Provided entries
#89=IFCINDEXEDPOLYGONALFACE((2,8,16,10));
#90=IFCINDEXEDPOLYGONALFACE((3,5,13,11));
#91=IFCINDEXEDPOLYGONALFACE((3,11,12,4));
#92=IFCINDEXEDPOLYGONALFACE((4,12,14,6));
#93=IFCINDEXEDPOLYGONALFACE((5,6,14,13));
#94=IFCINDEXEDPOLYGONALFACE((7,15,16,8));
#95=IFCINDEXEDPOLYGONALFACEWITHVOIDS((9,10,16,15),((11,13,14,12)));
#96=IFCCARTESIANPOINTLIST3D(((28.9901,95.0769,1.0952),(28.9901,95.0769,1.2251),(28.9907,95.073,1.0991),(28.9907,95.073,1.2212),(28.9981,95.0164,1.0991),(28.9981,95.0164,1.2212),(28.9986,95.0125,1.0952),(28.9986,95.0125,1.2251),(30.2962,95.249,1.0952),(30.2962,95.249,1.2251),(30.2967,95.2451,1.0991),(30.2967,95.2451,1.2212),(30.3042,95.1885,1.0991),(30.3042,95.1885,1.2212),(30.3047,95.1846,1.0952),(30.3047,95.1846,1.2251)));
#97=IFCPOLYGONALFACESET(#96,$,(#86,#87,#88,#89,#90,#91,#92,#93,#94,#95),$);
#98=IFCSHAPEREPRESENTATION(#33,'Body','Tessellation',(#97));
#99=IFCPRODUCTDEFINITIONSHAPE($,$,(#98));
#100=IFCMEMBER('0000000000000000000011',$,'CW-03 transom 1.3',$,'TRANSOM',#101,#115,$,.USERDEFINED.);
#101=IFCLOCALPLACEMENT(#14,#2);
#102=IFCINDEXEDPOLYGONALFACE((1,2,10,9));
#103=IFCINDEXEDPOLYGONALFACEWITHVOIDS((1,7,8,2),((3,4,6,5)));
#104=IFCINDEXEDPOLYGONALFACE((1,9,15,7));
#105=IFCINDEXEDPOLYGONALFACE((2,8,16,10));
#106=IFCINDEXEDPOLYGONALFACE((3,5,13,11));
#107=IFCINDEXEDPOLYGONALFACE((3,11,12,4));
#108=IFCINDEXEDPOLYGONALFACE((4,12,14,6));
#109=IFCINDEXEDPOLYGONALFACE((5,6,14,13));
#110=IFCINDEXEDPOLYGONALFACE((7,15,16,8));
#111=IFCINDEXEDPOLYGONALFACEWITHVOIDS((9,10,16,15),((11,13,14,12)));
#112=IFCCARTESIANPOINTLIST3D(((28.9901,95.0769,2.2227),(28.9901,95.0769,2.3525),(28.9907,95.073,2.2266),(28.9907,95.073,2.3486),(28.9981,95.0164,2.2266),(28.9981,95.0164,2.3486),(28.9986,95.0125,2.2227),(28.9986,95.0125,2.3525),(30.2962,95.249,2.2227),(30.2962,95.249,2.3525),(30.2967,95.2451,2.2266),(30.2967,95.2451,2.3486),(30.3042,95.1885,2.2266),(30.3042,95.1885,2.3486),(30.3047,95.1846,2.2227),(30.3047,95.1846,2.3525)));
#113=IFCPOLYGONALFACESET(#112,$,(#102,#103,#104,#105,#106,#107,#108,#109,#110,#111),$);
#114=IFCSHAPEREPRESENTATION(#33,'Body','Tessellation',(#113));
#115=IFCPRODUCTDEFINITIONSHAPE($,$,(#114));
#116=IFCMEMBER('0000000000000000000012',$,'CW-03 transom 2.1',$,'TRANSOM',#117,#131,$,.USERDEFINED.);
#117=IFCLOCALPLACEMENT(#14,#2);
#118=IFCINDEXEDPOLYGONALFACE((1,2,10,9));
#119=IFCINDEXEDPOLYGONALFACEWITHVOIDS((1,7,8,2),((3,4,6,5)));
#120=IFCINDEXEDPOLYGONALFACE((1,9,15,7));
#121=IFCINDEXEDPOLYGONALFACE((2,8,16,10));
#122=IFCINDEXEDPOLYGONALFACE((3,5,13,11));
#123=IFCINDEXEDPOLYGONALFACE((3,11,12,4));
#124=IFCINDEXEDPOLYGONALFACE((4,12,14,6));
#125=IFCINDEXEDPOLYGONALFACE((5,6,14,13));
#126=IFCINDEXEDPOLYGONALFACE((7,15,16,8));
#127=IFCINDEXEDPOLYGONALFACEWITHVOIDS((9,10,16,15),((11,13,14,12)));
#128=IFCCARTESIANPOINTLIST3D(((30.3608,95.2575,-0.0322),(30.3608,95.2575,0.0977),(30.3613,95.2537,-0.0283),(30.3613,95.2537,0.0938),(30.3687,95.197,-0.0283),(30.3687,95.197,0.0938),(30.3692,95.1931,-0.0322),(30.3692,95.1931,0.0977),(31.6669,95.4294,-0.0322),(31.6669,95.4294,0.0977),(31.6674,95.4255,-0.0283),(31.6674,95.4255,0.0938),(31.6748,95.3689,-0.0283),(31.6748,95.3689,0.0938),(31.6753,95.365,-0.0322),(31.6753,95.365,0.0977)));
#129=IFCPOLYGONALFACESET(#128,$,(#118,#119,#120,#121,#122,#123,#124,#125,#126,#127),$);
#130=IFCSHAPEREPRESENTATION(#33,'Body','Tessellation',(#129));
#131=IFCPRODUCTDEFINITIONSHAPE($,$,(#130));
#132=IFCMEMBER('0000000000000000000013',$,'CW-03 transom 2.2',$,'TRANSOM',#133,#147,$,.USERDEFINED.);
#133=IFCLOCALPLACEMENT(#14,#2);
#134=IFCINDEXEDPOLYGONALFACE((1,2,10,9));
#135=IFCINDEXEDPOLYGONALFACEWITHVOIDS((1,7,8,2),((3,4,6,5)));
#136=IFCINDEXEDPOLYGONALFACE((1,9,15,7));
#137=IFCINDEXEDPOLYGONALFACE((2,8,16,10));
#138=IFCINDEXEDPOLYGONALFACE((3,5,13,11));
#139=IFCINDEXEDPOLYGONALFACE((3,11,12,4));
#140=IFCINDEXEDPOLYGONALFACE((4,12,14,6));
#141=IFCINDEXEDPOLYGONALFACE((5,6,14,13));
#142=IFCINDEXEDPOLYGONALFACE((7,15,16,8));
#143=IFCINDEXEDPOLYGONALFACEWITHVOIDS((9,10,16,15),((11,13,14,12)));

Work request
With the first line of the records as the start and the line holding "#94=IFCINDEXEDPOLYGONALFACE((7,15,16,8));" as the end, please copy exactly those lines and no others.

Result of the exercise
#89=IFCINDEXEDPOLYGONALFACE((2,8,16,10));
#90=IFCINDEXEDPOLYGONALFACE((3,5,13,11));
#91=IFCINDEXEDPOLYGONALFACE((3,11,12,4));
#92=IFCINDEXEDPOLYGONALFACE((4,12,14,6));
#93=IFCINDEXEDPOLYGONALFACE((5,6,14,13));
#94=IFCINDEXEDPOLYGONALFACE((7,15,16,8));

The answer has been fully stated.